Data entries
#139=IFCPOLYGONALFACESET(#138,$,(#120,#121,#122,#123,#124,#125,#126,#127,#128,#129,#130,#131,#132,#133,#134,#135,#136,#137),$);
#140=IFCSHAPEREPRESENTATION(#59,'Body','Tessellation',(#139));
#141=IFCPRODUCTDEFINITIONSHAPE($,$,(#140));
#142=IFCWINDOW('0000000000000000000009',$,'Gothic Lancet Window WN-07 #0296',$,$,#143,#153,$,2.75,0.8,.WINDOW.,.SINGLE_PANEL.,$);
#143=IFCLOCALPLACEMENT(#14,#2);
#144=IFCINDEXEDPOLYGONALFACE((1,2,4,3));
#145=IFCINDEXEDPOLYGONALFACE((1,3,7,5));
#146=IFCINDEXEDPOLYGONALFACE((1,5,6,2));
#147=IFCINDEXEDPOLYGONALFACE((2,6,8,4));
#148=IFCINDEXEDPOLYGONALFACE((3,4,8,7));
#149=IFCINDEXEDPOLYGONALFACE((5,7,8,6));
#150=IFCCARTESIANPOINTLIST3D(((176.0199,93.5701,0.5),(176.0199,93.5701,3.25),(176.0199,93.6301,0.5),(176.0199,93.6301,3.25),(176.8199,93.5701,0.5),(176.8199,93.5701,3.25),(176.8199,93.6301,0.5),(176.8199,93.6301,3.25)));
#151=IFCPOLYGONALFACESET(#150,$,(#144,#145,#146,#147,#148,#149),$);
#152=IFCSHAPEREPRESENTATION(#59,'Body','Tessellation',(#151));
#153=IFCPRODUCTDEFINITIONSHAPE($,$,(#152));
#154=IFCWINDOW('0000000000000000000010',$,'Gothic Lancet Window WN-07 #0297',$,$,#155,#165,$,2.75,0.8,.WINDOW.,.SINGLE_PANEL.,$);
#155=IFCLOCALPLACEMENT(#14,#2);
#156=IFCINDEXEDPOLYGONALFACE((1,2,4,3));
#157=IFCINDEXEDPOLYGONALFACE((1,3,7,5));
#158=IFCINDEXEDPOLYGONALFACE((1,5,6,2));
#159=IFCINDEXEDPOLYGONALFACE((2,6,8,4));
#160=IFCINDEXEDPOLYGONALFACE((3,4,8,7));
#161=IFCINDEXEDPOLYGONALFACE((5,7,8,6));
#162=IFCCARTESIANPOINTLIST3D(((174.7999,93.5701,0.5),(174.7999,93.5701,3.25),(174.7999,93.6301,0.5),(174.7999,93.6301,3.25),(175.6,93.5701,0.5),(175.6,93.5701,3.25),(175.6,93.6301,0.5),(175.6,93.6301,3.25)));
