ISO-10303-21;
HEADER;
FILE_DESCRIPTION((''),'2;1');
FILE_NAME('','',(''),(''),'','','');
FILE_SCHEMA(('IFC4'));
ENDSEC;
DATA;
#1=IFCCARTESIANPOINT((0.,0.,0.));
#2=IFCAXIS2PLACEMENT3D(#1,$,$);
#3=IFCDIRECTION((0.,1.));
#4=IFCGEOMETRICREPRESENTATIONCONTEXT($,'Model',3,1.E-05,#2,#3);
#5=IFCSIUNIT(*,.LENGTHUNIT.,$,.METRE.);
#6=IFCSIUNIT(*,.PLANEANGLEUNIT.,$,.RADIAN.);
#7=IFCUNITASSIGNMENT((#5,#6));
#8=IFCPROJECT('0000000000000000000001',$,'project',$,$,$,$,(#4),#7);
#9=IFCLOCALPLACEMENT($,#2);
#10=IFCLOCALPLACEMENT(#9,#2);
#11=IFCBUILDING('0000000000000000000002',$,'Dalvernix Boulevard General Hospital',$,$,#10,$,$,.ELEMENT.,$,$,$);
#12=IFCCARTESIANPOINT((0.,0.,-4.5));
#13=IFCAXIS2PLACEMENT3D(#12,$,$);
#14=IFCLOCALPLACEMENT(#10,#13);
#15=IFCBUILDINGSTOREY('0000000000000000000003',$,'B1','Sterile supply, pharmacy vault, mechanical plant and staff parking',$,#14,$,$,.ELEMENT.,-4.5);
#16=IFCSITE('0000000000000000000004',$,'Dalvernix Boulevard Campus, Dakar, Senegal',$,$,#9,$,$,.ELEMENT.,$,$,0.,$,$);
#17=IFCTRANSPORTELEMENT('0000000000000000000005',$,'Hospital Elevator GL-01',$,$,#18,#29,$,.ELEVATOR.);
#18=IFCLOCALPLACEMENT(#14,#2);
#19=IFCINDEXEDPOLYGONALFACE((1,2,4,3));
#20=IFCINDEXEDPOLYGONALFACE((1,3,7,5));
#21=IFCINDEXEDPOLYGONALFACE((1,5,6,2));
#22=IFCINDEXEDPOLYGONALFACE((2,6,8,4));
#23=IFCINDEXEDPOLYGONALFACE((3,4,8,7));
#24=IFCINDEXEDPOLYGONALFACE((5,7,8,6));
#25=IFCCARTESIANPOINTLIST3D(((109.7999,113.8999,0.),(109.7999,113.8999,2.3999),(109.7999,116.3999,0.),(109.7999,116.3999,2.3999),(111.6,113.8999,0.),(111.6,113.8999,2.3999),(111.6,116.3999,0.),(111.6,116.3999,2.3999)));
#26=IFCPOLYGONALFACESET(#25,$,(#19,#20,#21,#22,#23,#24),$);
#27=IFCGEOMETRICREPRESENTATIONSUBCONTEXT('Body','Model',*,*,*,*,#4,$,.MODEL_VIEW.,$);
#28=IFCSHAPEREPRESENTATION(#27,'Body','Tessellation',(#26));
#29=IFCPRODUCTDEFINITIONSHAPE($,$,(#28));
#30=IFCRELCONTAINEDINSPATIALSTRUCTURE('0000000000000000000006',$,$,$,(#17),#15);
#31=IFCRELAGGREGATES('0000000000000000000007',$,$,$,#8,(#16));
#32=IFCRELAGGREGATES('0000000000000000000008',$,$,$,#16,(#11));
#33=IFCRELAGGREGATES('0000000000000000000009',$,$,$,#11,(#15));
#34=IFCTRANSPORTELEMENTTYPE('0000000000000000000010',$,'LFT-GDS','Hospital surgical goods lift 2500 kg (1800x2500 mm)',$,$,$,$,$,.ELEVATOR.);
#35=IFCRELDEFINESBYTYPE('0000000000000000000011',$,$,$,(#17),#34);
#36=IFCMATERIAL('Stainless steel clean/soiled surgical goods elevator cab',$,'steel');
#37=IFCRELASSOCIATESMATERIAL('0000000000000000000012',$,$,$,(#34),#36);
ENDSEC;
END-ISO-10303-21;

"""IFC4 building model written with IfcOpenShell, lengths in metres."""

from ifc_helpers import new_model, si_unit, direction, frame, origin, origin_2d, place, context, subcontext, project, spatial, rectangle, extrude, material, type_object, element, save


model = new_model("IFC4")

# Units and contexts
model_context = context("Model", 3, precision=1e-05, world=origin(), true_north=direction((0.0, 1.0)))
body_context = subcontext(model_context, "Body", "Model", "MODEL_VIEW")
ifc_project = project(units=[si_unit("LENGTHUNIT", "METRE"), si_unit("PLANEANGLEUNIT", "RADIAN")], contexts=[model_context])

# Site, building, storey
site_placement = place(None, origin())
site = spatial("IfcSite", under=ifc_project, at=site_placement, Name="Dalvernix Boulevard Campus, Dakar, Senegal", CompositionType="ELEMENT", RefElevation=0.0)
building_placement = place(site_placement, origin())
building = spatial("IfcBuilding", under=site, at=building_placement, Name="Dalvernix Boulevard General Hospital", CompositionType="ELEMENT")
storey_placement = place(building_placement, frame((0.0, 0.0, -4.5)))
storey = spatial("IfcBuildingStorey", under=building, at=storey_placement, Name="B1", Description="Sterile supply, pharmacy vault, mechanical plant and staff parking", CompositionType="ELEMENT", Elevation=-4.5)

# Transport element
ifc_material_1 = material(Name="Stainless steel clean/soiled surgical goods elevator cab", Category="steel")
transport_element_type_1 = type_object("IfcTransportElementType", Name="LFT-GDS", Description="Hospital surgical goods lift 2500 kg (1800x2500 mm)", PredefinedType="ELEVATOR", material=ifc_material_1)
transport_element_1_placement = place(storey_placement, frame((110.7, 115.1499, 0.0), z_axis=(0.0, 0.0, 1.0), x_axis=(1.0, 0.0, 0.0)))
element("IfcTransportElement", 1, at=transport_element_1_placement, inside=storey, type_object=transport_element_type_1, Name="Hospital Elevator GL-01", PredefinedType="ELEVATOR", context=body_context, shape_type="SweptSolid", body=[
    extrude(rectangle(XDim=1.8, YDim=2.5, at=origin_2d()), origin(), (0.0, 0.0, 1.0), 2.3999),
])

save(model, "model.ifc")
==
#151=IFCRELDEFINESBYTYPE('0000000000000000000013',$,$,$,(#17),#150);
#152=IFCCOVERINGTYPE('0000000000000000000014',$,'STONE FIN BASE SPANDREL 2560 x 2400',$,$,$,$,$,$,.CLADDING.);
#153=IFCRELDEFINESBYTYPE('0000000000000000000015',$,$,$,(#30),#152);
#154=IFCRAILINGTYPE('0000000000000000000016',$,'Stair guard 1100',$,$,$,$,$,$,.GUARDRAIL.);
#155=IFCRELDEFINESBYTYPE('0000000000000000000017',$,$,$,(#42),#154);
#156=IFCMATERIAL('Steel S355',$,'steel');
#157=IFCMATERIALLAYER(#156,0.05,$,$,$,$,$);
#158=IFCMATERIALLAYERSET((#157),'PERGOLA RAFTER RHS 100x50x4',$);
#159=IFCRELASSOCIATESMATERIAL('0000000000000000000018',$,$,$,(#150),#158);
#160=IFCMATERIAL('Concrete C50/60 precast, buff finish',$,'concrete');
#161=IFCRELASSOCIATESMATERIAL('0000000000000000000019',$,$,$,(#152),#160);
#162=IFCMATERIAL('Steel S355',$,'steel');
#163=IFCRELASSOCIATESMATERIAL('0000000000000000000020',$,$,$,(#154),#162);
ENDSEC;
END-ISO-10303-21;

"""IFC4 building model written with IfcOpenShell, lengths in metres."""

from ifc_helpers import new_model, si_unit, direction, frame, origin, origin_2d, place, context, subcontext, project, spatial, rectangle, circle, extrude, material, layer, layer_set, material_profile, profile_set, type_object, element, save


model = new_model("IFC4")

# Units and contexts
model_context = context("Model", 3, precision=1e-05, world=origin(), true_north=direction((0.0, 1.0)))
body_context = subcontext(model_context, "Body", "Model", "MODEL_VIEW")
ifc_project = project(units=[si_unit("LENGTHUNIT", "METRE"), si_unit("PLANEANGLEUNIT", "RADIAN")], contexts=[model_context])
--
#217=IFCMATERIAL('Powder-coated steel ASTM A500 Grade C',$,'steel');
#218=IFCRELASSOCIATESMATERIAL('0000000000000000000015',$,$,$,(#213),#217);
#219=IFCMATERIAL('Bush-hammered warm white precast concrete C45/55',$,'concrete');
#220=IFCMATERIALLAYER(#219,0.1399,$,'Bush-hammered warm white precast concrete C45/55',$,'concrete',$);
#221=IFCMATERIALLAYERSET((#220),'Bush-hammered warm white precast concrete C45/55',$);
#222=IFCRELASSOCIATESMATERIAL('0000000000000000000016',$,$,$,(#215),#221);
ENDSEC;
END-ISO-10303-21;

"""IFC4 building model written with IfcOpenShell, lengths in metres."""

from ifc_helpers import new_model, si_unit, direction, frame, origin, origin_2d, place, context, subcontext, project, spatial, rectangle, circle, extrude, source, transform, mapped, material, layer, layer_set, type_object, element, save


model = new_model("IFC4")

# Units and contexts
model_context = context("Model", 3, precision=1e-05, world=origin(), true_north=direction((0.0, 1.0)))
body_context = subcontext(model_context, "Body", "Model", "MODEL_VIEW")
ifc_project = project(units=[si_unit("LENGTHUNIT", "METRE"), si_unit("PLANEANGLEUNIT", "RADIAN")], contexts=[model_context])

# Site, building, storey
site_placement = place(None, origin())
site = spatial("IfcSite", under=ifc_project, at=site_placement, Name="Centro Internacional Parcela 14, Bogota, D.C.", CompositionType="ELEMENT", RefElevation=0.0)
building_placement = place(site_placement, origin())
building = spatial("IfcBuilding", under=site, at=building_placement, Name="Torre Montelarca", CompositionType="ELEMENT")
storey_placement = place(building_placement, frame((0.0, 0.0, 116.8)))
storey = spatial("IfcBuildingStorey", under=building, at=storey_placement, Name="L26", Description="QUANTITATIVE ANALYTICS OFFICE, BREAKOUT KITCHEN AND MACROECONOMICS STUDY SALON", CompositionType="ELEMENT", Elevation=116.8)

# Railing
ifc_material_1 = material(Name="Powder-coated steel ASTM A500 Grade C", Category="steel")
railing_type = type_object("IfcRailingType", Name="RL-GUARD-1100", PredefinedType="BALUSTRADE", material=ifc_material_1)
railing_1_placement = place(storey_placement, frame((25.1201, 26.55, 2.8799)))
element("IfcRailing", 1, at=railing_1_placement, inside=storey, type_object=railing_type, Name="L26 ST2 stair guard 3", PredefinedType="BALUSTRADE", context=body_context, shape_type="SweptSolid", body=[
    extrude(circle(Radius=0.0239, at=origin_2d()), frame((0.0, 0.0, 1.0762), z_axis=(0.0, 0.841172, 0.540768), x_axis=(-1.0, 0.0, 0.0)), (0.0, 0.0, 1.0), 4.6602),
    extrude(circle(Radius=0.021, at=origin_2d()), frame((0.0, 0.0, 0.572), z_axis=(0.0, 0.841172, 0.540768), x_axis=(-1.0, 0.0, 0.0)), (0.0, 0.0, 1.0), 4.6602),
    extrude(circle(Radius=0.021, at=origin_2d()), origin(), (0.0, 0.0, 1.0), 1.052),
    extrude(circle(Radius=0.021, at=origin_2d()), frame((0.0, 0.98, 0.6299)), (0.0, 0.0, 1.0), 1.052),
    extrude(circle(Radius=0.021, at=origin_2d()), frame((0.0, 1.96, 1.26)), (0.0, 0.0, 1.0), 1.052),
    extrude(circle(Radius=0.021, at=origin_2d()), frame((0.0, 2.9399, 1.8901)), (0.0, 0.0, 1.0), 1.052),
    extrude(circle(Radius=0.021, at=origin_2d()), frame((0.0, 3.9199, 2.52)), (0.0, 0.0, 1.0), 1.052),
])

Task description: Copy all lines from the data above that contain the word "Gothic".

Output of the task:
#142=IFCWINDOW('0000000000000000000009',$,'Gothic Lancet Window WN-07 #0296',$,$,#143,#153,$,2.75,0.8,.WINDOW.,.SINGLE_PANEL.,$);
#154=IFCWINDOW('0000000000000000000010',$,'Gothic Lancet Window WN-07 #0297',$,$,#155,#165,$,2.75,0.8,.WINDOW.,.SINGLE_PANEL.,$);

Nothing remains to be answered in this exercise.